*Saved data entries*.
* * *

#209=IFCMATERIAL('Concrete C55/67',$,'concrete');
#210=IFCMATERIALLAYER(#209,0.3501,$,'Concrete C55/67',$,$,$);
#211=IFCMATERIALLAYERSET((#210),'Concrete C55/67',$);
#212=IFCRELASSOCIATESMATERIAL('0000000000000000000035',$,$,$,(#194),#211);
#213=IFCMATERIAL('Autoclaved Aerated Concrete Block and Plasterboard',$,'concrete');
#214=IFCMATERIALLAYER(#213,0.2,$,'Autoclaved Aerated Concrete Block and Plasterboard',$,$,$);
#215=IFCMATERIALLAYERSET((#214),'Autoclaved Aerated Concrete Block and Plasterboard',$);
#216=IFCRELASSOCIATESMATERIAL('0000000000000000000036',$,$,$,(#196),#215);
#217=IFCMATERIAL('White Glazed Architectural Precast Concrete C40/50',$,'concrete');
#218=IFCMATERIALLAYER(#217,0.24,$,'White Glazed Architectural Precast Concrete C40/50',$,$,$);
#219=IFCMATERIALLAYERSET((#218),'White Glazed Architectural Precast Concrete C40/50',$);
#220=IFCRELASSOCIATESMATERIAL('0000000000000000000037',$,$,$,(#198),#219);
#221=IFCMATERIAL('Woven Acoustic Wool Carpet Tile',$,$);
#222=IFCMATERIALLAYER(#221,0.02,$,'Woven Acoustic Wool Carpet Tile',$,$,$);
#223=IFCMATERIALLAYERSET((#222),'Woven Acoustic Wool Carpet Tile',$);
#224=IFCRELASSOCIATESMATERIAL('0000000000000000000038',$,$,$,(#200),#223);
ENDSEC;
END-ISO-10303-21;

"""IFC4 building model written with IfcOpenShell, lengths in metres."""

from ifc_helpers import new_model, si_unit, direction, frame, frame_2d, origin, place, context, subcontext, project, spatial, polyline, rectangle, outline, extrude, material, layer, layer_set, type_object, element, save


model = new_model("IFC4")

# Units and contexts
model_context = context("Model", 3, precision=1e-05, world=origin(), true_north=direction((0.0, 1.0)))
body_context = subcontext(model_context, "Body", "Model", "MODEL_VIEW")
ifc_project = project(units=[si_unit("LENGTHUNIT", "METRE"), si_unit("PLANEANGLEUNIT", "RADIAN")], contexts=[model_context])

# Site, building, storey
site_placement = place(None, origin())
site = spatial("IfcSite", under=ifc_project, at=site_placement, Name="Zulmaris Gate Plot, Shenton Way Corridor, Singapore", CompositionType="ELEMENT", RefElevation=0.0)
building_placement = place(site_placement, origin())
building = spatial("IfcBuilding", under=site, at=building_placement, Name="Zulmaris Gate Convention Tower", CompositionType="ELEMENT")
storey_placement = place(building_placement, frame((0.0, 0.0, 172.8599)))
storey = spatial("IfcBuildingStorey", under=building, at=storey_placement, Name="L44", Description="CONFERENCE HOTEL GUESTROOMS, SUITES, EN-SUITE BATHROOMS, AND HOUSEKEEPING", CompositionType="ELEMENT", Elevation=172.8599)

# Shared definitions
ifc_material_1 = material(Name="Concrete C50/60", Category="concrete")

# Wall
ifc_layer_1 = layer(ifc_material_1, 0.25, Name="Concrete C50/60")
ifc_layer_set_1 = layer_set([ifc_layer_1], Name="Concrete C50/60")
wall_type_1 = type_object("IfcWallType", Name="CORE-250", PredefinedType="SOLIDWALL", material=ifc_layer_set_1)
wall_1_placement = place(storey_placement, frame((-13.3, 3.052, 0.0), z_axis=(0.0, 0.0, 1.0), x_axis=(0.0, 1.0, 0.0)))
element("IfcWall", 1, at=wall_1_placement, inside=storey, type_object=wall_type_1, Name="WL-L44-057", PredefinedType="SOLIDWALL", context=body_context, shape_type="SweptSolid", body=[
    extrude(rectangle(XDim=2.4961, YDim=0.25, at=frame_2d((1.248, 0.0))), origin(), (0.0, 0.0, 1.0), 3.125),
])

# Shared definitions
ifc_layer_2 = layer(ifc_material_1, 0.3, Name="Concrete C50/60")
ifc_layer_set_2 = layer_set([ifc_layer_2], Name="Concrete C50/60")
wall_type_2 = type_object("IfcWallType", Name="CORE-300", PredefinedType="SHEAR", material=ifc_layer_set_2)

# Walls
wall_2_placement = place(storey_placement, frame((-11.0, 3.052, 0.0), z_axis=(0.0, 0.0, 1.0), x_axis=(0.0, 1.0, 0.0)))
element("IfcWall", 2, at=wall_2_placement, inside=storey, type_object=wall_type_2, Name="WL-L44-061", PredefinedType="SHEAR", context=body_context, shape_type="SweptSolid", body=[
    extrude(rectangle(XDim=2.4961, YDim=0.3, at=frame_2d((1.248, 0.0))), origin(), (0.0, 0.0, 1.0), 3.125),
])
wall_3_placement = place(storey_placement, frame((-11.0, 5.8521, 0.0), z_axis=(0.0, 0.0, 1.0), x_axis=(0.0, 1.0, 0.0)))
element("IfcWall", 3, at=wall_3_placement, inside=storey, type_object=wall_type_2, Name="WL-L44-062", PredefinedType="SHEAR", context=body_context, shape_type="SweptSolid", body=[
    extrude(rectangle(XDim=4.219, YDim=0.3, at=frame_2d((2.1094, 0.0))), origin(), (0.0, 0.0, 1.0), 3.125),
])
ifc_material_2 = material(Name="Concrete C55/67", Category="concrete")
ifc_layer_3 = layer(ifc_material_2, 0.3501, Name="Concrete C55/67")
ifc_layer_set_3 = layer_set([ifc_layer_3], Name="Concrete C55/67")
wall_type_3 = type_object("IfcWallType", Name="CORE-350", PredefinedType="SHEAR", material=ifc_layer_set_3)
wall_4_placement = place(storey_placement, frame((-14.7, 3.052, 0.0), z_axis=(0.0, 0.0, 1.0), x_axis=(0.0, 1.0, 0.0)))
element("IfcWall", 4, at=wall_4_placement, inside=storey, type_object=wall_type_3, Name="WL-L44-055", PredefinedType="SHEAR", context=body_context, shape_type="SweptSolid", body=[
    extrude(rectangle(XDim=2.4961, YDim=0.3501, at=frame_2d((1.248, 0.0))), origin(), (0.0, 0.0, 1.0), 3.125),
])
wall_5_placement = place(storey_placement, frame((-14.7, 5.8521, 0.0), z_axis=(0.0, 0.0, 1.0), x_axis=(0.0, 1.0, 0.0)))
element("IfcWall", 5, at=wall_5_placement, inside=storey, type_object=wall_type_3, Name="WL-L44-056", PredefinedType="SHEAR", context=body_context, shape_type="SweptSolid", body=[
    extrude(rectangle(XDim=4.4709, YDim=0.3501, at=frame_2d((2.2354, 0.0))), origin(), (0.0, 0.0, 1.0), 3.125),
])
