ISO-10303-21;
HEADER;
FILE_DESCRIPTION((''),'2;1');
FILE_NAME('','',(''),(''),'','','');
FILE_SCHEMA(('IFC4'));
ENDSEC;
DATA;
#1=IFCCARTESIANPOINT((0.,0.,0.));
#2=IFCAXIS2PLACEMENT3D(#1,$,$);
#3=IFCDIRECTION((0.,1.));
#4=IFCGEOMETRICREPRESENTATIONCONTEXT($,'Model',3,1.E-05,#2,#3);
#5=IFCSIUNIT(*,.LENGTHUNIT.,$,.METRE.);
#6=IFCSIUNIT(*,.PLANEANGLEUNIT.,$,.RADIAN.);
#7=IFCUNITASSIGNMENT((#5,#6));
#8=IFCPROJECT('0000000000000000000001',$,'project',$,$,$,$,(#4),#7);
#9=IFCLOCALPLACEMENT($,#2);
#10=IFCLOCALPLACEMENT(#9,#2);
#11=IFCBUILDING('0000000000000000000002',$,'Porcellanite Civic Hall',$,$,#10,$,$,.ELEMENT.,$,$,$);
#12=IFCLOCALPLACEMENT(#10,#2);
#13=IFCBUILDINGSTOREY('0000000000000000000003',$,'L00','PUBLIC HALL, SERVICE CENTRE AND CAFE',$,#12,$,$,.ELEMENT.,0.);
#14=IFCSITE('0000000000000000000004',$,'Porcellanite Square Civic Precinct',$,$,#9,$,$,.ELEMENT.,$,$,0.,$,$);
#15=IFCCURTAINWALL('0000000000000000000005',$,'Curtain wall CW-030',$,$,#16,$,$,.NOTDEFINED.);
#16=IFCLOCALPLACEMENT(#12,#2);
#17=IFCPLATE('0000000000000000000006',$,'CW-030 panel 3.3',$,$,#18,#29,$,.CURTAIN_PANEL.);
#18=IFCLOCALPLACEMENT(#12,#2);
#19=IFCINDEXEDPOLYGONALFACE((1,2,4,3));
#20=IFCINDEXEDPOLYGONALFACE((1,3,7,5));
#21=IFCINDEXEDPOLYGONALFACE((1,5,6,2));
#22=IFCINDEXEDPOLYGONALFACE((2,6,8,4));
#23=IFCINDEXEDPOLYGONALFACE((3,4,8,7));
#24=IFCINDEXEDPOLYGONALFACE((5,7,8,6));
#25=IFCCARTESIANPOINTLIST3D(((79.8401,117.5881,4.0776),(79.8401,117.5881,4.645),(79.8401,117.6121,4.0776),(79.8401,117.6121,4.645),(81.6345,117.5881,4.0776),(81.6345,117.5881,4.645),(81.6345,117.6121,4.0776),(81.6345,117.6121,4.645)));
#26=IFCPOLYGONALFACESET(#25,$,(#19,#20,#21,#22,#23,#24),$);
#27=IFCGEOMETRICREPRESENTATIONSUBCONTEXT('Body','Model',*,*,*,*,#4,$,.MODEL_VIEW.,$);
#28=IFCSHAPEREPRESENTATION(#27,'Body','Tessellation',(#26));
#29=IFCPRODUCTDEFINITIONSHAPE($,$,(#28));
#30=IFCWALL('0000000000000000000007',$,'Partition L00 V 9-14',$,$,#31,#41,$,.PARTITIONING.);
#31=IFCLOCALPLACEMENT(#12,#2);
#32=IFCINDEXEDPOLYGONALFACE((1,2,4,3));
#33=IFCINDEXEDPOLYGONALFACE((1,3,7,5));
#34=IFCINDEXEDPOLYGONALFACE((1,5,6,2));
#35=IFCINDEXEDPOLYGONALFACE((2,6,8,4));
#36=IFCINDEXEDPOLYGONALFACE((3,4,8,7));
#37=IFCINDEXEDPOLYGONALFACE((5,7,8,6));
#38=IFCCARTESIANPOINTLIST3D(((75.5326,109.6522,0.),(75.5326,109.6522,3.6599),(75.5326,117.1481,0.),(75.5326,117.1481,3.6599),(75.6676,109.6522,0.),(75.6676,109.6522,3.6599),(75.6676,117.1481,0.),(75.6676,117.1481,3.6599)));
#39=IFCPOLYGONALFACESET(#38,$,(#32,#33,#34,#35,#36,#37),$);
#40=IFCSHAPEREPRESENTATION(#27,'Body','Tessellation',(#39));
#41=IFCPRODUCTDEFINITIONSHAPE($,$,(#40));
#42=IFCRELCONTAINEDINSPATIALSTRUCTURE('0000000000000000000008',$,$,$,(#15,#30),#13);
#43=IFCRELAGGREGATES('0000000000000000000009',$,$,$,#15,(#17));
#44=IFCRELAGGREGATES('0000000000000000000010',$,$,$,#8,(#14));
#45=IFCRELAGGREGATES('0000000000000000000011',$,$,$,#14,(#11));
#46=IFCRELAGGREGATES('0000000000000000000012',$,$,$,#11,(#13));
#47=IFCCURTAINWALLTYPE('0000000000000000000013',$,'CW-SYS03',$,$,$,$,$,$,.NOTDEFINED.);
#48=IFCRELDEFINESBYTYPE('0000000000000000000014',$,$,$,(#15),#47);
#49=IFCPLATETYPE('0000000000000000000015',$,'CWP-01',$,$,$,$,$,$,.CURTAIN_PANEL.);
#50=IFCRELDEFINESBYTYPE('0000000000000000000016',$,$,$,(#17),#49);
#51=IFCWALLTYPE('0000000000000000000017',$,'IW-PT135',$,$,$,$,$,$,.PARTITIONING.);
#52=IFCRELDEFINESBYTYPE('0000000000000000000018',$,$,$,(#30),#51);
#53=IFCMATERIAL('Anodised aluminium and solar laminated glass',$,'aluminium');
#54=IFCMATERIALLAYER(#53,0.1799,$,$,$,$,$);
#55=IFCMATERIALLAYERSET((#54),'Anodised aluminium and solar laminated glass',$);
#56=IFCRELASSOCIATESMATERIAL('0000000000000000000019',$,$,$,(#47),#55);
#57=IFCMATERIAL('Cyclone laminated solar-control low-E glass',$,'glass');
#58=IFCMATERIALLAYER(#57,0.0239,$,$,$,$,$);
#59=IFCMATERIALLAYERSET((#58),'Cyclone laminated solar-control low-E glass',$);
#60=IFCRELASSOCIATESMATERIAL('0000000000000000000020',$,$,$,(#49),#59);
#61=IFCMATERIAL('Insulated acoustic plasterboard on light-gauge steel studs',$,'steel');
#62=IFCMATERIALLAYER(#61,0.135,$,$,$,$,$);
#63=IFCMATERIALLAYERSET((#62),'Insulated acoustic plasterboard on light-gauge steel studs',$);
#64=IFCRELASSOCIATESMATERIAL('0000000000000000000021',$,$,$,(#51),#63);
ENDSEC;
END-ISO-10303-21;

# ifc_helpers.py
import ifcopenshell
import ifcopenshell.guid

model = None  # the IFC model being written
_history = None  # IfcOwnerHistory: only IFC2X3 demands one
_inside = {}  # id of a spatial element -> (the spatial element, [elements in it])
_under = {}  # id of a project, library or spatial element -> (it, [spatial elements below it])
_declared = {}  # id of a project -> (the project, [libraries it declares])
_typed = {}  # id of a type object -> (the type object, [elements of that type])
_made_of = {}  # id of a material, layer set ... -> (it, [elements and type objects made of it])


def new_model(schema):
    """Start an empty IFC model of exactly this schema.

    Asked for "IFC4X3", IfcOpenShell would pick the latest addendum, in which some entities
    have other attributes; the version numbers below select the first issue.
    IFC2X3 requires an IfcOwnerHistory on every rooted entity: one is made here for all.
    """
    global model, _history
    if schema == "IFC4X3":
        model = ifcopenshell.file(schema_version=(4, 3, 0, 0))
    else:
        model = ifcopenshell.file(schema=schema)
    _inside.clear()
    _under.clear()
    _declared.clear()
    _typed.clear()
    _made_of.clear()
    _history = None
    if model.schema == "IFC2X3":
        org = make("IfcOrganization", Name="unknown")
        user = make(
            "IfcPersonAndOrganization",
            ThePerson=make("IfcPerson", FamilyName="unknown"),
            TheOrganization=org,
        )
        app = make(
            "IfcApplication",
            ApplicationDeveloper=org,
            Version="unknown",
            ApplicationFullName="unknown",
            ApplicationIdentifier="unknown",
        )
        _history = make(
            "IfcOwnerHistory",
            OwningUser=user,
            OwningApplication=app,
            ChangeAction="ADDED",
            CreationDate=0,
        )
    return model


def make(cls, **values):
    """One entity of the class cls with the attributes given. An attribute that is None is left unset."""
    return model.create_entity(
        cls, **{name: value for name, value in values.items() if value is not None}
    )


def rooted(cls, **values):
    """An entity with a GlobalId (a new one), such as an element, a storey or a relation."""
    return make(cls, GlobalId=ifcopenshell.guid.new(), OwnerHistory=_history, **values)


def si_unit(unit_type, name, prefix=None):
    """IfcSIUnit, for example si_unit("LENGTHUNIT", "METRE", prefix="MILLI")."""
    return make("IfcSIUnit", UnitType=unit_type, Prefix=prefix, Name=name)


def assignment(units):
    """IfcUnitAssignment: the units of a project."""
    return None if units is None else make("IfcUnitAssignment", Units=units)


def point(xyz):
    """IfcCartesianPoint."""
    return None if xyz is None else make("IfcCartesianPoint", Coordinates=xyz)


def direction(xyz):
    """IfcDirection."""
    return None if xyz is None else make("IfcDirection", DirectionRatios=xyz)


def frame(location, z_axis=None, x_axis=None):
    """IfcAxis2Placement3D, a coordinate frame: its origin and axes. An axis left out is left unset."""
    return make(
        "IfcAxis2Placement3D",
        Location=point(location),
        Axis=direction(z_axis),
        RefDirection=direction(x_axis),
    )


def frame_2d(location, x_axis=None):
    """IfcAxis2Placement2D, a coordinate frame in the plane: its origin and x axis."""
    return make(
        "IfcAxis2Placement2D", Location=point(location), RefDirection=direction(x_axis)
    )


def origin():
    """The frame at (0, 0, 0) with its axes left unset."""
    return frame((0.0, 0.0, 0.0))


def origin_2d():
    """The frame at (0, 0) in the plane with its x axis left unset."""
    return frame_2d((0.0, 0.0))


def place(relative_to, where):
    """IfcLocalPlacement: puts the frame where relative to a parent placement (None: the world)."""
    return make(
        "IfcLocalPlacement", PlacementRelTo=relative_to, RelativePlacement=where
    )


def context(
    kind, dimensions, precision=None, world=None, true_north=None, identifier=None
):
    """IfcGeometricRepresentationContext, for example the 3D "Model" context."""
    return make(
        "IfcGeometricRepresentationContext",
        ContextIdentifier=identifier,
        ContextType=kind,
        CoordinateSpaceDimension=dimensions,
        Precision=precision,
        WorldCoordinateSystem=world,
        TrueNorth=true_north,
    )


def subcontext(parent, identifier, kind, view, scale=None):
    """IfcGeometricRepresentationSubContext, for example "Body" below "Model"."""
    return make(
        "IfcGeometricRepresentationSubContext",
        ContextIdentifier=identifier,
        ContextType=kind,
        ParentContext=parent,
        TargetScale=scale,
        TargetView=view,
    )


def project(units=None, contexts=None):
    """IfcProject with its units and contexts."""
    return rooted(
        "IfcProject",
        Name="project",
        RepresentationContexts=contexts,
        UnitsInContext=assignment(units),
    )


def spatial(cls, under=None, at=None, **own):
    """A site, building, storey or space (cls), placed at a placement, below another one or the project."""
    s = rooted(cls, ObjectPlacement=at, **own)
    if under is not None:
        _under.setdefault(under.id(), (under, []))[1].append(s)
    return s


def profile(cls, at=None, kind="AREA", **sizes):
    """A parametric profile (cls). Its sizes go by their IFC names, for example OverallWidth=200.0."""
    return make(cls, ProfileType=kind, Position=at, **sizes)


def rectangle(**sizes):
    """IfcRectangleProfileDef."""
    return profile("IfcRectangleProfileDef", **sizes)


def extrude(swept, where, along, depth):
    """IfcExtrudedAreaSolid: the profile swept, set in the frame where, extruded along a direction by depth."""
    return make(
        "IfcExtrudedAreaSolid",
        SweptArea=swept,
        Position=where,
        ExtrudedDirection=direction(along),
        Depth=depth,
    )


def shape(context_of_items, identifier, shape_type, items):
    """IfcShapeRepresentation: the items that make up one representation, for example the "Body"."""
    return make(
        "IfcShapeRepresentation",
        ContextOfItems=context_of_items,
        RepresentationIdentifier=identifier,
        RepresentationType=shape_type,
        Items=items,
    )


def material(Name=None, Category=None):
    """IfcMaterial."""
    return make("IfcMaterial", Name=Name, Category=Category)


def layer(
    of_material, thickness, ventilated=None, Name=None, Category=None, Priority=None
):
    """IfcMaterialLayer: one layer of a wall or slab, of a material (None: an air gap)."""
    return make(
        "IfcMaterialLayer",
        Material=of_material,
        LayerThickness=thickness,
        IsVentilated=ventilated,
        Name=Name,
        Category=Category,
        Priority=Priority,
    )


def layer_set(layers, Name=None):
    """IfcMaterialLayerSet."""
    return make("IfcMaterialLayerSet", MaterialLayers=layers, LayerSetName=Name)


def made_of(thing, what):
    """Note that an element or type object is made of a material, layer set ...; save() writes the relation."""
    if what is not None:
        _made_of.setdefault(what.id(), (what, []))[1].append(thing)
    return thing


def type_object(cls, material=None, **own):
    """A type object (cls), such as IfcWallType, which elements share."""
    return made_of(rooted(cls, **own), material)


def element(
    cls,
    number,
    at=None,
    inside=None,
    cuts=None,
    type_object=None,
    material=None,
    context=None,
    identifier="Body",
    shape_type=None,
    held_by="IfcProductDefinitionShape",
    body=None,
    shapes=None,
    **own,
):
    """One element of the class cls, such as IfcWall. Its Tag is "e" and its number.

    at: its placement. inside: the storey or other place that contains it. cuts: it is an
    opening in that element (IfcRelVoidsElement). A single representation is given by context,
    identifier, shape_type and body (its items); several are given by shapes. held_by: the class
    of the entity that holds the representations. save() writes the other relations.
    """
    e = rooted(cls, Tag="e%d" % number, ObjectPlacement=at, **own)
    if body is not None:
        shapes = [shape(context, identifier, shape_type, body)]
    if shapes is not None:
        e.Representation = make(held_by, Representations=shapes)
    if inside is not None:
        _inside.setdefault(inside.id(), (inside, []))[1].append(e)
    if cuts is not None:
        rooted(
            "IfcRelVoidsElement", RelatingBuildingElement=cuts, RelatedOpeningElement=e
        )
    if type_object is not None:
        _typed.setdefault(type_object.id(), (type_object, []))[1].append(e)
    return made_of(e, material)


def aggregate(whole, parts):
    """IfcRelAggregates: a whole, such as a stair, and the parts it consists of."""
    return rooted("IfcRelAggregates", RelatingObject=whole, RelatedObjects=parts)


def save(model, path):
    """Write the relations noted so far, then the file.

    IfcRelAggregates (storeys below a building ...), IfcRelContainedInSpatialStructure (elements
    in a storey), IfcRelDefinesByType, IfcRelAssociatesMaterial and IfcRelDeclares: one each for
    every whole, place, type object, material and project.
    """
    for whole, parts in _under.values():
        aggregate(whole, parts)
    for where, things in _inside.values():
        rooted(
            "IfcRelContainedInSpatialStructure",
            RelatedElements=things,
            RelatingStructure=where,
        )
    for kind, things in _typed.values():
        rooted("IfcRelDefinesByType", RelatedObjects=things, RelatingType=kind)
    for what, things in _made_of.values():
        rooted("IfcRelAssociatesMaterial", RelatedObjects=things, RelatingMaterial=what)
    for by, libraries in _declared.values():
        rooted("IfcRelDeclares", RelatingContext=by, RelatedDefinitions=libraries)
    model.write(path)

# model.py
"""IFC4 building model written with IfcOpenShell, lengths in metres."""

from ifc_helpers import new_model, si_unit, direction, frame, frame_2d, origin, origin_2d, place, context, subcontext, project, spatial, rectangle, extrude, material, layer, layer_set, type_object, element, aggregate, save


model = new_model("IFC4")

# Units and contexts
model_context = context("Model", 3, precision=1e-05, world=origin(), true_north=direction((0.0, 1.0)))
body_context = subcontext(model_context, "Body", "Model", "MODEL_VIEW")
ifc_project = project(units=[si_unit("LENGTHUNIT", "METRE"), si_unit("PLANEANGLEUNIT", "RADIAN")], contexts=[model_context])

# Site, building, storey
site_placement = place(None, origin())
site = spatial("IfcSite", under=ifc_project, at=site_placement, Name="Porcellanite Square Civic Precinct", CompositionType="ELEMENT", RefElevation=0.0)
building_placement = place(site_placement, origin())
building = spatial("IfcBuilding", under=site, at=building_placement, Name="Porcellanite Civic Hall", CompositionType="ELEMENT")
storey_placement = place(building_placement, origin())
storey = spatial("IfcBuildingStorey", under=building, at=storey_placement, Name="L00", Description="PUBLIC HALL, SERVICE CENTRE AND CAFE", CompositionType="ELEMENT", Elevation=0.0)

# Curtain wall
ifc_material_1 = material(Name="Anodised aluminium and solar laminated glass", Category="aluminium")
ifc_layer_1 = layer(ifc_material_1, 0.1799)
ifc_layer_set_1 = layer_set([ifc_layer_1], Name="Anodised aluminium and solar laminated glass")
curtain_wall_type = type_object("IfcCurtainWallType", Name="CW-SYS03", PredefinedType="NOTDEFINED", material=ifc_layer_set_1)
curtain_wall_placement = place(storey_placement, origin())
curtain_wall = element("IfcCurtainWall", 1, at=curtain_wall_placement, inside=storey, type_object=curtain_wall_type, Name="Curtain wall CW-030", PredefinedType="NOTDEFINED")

* * *

*What the task requires*.
Your response should be made up of the lines in the data that contain the word "YDim".

*Solution to the problem*.
    extrude(rectangle(XDim=2.4961, YDim=0.25, at=frame_2d((1.248, 0.0))), origin(), (0.0, 0.0, 1.0), 3.125),
    extrude(rectangle(XDim=2.4961, YDim=0.3, at=frame_2d((1.248, 0.0))), origin(), (0.0, 0.0, 1.0), 3.125),
    extrude(rectangle(XDim=4.219, YDim=0.3, at=frame_2d((2.1094, 0.0))), origin(), (0.0, 0.0, 1.0), 3.125),
    extrude(rectangle(XDim=2.4961, YDim=0.3501, at=frame_2d((1.248, 0.0))), origin(), (0.0, 0.0, 1.0), 3.125),
    extrude(rectangle(XDim=4.4709, YDim=0.3501, at=frame_2d((2.2354, 0.0))), origin(), (0.0, 0.0, 1.0), 3.125),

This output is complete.